**What needs to be done:**
When you reach the line with "#12=IFCCARTESIANPOINT((0.,0.,220.2));" in the data below, begin printing lines exactly, and stop once the line with "Band Bracket L58-E0-00',$,$,#18,#29,$,.BRACKET.);" has been printed.

[Records from a collection]
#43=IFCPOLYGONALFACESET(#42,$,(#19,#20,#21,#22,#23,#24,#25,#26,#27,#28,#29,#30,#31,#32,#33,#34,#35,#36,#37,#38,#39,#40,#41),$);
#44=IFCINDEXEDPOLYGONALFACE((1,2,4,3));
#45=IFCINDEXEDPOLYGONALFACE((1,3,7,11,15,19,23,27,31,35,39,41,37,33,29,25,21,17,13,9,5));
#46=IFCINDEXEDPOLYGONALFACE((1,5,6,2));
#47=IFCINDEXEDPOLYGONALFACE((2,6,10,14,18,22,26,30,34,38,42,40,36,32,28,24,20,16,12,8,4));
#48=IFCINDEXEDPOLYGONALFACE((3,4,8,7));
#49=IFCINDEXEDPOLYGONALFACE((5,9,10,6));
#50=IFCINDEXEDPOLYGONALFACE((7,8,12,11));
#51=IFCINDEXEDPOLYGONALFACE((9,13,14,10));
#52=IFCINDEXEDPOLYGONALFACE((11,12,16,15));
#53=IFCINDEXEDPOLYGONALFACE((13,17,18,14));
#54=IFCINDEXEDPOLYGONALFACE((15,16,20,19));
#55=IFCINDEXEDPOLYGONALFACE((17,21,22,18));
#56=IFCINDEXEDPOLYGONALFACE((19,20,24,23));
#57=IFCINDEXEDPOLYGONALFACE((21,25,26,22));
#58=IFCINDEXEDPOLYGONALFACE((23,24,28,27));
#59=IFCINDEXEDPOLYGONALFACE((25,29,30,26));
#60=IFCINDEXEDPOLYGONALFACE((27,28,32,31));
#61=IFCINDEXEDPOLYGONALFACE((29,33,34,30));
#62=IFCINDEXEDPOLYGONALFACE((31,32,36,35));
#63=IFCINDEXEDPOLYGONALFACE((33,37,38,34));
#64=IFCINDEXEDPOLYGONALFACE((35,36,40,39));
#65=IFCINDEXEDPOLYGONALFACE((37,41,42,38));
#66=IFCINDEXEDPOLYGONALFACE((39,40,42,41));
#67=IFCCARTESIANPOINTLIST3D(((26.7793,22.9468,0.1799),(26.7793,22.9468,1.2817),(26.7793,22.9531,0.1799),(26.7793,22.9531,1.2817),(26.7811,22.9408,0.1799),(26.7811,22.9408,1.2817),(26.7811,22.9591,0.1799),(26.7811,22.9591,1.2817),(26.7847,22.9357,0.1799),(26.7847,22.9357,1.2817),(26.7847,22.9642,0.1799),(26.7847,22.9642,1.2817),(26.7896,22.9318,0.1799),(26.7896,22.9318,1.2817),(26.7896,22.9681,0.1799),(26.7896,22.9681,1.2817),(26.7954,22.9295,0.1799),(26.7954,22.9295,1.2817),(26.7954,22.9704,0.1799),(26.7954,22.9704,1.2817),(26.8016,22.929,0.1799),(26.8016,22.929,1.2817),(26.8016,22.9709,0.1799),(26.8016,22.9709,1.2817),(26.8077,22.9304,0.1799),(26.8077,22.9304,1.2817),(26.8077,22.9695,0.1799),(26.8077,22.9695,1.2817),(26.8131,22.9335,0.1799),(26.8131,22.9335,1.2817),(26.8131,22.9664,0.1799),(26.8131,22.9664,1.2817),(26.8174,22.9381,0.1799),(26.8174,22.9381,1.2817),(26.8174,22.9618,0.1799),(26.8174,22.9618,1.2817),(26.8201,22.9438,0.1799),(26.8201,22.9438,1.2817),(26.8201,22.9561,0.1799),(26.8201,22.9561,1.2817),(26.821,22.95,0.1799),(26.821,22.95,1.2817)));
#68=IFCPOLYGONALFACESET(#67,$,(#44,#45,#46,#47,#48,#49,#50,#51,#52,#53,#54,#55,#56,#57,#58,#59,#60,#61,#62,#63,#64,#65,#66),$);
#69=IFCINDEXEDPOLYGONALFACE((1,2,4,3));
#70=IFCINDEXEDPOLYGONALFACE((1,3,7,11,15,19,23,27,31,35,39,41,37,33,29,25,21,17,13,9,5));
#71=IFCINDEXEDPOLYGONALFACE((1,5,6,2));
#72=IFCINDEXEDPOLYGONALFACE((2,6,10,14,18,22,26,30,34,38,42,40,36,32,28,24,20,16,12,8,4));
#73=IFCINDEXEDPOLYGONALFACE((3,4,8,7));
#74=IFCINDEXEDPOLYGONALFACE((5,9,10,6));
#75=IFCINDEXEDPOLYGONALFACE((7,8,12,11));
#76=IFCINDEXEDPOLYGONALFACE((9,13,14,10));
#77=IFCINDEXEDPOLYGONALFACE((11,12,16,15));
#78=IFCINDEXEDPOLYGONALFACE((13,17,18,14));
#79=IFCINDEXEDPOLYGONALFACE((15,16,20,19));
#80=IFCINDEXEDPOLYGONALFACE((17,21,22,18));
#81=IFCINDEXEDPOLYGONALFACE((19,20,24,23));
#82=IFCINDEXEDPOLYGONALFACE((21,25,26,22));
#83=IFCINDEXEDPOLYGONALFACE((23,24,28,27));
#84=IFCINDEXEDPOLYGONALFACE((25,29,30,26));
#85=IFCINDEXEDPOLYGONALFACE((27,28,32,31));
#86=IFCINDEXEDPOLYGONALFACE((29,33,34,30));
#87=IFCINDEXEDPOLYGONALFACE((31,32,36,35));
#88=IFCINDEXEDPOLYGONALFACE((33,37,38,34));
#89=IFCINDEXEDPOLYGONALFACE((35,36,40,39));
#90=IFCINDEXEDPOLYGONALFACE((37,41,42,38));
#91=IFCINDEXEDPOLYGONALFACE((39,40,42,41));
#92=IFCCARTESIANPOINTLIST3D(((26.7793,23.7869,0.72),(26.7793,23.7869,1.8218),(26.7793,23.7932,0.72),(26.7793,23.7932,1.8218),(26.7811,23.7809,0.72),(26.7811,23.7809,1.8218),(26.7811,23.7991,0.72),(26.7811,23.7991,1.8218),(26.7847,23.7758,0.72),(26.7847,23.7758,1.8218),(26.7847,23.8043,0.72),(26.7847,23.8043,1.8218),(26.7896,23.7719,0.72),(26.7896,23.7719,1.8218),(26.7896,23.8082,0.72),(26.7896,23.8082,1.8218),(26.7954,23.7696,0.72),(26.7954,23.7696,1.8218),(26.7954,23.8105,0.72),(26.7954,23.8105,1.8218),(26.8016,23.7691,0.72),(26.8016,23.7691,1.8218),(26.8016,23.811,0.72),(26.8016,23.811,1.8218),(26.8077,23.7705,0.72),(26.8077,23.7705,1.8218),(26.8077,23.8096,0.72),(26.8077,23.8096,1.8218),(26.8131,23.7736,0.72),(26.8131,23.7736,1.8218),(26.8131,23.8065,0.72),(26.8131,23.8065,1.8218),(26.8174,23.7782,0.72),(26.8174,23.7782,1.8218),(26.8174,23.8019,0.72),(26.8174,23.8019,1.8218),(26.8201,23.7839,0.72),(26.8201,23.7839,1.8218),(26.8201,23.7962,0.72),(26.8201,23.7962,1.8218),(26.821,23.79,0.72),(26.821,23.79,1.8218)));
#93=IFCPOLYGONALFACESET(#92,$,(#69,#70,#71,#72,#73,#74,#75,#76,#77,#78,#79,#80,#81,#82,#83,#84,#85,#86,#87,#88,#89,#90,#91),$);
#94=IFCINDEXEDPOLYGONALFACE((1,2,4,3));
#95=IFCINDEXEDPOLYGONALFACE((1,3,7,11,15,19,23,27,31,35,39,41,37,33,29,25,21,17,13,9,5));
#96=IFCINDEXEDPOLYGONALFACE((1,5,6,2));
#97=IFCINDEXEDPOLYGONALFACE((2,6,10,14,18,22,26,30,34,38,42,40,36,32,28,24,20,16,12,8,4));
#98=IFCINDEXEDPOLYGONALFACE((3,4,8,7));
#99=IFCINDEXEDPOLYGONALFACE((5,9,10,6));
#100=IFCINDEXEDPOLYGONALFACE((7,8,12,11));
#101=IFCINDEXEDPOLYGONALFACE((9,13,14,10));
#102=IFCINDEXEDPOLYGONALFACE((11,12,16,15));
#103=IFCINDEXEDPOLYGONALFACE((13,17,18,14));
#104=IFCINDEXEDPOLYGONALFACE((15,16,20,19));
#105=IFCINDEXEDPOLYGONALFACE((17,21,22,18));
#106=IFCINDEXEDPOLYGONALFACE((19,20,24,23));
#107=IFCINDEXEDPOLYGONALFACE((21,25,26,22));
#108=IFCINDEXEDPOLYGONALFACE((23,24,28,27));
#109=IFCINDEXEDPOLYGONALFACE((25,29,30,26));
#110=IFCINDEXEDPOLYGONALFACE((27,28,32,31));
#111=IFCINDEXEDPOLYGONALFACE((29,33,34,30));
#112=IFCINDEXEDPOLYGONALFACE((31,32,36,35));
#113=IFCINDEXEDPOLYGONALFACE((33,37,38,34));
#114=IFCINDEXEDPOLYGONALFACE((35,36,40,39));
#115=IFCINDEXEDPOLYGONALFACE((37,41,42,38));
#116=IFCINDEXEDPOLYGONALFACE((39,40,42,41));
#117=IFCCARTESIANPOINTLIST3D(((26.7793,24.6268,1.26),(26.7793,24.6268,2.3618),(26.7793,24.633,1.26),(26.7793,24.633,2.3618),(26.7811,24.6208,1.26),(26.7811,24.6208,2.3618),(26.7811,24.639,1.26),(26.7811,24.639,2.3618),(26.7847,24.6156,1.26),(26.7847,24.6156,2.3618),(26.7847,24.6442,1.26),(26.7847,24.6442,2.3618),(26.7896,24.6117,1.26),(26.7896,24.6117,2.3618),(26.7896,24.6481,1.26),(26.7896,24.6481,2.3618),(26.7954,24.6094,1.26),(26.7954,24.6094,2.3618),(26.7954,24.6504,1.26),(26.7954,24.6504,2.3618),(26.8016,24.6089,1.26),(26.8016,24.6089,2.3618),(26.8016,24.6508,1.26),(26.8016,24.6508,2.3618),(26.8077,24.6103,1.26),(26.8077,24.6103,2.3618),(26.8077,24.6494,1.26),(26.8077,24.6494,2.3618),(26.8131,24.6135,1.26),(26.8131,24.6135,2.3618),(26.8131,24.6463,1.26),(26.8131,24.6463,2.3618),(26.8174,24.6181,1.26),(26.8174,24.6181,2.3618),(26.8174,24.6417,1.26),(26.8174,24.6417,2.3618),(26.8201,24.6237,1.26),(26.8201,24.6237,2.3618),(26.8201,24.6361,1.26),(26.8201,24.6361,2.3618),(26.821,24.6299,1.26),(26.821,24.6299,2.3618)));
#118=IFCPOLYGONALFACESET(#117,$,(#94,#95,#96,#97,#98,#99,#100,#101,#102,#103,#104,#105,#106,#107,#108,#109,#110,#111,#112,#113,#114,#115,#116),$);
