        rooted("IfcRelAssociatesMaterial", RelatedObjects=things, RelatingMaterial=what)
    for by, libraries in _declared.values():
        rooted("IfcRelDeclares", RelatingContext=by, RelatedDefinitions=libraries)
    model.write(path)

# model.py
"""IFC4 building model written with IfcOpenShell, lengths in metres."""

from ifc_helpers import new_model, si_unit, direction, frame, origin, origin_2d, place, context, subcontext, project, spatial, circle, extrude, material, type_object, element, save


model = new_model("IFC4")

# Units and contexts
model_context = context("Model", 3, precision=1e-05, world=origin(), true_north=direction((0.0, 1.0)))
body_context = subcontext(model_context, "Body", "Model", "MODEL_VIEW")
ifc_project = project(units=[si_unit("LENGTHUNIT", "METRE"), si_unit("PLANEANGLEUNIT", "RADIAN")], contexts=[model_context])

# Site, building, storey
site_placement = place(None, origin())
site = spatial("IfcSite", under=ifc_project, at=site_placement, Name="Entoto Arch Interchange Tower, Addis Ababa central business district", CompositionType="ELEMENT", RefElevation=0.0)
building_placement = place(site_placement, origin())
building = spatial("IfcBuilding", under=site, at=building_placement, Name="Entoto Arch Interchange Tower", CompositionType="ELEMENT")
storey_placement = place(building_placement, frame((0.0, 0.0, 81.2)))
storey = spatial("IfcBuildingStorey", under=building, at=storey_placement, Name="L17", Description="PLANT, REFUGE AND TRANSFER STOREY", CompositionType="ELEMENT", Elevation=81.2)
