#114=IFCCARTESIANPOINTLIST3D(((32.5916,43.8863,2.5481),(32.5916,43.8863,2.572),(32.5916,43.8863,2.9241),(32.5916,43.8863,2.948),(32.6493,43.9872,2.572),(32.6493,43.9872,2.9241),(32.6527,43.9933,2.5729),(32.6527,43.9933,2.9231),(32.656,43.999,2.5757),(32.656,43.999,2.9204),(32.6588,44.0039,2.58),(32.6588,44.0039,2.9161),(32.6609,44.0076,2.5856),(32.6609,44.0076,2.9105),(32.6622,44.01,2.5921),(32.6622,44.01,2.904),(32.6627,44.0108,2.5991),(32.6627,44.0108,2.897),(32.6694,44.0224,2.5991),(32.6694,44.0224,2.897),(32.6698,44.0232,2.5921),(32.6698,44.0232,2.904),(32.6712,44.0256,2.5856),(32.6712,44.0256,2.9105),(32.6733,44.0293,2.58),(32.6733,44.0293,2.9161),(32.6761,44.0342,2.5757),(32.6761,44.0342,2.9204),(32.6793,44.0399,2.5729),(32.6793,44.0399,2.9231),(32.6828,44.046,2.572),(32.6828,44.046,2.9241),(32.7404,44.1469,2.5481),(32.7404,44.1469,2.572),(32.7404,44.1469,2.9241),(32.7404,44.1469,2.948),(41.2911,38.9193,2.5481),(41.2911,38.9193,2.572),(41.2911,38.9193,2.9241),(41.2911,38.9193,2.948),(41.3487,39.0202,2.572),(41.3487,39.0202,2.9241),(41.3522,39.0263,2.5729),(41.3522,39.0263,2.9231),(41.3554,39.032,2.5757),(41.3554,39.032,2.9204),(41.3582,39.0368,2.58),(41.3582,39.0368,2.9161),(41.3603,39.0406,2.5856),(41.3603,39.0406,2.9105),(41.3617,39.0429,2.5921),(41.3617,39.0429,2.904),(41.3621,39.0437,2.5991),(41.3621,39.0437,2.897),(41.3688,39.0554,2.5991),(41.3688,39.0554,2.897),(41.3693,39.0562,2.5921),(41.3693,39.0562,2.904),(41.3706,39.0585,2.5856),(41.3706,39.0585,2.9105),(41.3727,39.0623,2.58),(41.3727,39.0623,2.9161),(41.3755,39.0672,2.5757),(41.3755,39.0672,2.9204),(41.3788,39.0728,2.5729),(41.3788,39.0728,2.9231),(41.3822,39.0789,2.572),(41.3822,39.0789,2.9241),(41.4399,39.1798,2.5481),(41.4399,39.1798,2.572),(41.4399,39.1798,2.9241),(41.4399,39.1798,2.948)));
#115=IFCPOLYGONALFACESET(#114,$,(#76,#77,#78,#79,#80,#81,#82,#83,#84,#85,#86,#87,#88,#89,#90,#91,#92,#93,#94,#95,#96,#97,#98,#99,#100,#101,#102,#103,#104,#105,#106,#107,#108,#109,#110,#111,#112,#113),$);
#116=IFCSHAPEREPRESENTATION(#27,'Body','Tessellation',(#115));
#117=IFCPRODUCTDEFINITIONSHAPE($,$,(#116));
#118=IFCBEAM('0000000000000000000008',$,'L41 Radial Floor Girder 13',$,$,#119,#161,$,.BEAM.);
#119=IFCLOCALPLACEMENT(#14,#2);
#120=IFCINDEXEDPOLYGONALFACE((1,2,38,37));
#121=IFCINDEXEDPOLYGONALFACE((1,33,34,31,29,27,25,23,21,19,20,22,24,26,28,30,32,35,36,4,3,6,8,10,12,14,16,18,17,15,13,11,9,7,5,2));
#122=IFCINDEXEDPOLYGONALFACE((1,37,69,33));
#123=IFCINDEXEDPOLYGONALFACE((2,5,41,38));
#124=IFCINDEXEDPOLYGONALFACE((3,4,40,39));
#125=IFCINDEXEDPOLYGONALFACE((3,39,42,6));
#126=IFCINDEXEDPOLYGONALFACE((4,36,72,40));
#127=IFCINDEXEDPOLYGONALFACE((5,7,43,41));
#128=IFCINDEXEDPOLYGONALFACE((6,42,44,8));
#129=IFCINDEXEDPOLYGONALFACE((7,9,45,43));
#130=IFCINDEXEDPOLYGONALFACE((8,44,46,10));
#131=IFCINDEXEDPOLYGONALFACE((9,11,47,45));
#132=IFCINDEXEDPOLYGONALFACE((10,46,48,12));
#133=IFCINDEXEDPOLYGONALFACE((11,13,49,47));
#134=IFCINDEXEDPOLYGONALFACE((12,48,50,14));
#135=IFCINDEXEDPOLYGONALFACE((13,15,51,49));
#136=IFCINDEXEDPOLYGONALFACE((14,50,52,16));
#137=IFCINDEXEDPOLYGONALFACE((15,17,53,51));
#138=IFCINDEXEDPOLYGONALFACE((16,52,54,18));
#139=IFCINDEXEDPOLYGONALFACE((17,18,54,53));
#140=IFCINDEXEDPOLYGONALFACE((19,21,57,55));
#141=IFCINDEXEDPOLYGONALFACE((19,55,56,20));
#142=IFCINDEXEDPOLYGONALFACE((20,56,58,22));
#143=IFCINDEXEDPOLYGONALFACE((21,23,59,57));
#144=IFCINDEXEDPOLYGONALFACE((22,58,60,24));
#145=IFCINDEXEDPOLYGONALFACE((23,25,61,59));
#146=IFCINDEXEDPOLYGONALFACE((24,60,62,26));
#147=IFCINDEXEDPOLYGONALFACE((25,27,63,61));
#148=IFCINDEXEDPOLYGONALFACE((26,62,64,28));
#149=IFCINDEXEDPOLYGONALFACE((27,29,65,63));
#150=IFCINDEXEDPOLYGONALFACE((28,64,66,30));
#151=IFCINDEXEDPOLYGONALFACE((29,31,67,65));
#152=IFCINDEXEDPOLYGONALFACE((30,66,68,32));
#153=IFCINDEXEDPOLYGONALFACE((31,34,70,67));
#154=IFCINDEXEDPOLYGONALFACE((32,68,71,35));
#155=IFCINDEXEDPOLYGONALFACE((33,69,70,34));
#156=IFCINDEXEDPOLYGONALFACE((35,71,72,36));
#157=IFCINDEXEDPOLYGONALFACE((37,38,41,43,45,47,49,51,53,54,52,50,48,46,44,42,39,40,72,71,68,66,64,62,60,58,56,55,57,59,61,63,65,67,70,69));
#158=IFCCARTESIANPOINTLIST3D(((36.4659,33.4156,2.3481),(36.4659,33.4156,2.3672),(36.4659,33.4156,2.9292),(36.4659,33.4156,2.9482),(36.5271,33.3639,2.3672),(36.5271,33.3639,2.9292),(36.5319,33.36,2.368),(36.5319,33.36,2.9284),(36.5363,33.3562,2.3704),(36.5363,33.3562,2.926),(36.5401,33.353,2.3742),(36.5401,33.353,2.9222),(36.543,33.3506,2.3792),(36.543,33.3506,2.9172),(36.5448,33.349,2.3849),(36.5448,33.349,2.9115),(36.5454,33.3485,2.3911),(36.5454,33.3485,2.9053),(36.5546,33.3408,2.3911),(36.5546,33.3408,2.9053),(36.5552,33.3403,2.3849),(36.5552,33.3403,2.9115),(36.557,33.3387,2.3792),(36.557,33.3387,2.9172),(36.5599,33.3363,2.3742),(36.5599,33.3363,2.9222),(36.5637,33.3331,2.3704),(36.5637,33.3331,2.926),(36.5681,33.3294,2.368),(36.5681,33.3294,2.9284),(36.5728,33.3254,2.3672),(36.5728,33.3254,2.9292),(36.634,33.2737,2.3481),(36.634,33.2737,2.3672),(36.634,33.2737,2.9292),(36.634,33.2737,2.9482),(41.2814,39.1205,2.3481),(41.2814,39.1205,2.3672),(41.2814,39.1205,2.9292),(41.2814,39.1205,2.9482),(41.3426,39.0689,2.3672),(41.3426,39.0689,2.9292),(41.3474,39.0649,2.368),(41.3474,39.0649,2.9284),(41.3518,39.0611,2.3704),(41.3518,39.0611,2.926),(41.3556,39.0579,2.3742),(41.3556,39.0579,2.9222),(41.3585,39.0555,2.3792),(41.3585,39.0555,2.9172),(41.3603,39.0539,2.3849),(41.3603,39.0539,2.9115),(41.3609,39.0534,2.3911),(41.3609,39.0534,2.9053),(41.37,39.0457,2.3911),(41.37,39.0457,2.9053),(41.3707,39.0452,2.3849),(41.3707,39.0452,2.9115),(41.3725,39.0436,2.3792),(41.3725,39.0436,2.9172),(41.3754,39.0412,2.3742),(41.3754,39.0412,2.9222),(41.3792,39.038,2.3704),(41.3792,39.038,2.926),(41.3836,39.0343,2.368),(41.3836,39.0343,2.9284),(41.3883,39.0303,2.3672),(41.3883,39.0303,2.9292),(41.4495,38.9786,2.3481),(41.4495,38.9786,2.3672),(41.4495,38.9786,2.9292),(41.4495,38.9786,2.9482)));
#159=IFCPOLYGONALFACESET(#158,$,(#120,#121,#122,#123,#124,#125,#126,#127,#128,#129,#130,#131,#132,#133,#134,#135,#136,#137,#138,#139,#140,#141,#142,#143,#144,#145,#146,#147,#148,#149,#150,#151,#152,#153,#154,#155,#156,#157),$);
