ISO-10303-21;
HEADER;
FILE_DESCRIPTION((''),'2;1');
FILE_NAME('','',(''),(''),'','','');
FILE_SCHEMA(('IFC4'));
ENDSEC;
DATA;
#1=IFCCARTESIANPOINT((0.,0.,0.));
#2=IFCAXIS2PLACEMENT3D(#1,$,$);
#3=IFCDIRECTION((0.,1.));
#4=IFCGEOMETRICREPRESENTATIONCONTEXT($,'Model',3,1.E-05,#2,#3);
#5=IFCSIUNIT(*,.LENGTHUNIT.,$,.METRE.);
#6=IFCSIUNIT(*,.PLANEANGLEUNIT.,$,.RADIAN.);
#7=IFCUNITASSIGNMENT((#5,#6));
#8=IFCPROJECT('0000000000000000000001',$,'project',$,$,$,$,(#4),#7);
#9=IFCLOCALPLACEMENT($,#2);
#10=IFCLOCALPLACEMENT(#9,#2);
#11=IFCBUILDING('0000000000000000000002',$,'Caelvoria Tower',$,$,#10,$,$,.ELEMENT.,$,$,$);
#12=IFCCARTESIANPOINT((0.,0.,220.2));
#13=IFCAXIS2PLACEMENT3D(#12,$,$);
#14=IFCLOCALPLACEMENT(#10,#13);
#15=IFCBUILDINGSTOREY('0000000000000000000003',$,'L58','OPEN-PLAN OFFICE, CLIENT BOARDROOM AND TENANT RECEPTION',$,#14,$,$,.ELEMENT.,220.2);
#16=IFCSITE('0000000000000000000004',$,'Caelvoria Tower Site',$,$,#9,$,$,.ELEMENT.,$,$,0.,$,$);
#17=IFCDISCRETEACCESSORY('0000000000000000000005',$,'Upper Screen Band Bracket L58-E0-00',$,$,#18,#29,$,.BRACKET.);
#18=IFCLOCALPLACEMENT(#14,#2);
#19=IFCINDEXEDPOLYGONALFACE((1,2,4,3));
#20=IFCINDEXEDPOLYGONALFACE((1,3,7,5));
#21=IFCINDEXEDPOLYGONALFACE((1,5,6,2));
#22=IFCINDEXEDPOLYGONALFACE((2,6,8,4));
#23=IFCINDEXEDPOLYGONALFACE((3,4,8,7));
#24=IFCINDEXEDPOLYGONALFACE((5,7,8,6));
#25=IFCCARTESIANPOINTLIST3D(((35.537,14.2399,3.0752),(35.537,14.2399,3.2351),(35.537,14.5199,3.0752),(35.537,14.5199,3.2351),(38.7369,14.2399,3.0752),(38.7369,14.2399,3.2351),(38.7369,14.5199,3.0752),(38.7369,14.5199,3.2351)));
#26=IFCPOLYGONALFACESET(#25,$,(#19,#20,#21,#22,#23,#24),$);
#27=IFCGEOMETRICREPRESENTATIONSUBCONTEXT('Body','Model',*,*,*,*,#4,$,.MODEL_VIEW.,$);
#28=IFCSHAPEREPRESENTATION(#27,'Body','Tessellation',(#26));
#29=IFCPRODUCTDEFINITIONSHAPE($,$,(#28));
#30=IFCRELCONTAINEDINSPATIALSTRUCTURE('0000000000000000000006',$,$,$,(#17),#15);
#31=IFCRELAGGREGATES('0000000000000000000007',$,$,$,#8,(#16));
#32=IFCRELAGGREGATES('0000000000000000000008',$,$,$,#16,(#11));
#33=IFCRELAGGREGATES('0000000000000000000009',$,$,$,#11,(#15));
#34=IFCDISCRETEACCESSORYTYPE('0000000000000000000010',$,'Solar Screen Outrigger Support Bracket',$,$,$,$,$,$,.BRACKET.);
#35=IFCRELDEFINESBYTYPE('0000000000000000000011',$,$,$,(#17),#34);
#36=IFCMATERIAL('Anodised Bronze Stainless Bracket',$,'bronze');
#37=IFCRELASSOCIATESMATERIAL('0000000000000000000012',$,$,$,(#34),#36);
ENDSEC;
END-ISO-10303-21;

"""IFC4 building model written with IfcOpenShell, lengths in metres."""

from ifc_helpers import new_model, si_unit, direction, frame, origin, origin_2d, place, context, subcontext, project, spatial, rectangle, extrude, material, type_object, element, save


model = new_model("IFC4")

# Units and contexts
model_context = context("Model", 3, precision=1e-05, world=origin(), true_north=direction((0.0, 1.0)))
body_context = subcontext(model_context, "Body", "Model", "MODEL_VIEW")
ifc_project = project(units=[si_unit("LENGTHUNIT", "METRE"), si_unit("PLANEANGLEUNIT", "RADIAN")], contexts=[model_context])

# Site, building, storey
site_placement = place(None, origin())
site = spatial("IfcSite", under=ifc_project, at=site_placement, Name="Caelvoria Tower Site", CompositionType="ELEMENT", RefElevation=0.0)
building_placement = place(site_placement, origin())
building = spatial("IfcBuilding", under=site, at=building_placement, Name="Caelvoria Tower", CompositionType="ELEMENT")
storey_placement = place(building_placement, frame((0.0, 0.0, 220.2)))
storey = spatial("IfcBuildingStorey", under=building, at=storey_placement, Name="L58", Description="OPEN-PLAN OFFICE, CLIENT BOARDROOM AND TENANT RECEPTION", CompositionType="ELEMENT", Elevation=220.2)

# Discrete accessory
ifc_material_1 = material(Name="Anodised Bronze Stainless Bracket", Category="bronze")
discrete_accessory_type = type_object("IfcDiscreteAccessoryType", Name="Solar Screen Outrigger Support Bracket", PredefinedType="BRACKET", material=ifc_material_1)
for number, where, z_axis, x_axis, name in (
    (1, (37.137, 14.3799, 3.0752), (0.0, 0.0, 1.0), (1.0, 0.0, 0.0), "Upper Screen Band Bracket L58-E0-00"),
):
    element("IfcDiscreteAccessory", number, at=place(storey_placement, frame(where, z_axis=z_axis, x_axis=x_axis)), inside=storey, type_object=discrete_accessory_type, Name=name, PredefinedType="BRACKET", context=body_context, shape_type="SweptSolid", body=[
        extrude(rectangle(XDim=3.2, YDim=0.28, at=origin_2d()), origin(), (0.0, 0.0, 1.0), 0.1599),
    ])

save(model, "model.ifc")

**Problem solution:**
#12=IFCCARTESIANPOINT((0.,0.,220.2));
#13=IFCAXIS2PLACEMENT3D(#12,$,$);
#14=IFCLOCALPLACEMENT(#10,#13);
#15=IFCBUILDINGSTOREY('0000000000000000000003',$,'L58','OPEN-PLAN OFFICE, CLIENT BOARDROOM AND TENANT RECEPTION',$,#14,$,$,.ELEMENT.,220.2);
#16=IFCSITE('0000000000000000000004',$,'Caelvoria Tower Site',$,$,#9,$,$,.ELEMENT.,$,$,0.,$,$);
#17=IFCDISCRETEACCESSORY('0000000000000000000005',$,'Upper Screen Band Bracket L58-E0-00',$,$,#18,#29,$,.BRACKET.);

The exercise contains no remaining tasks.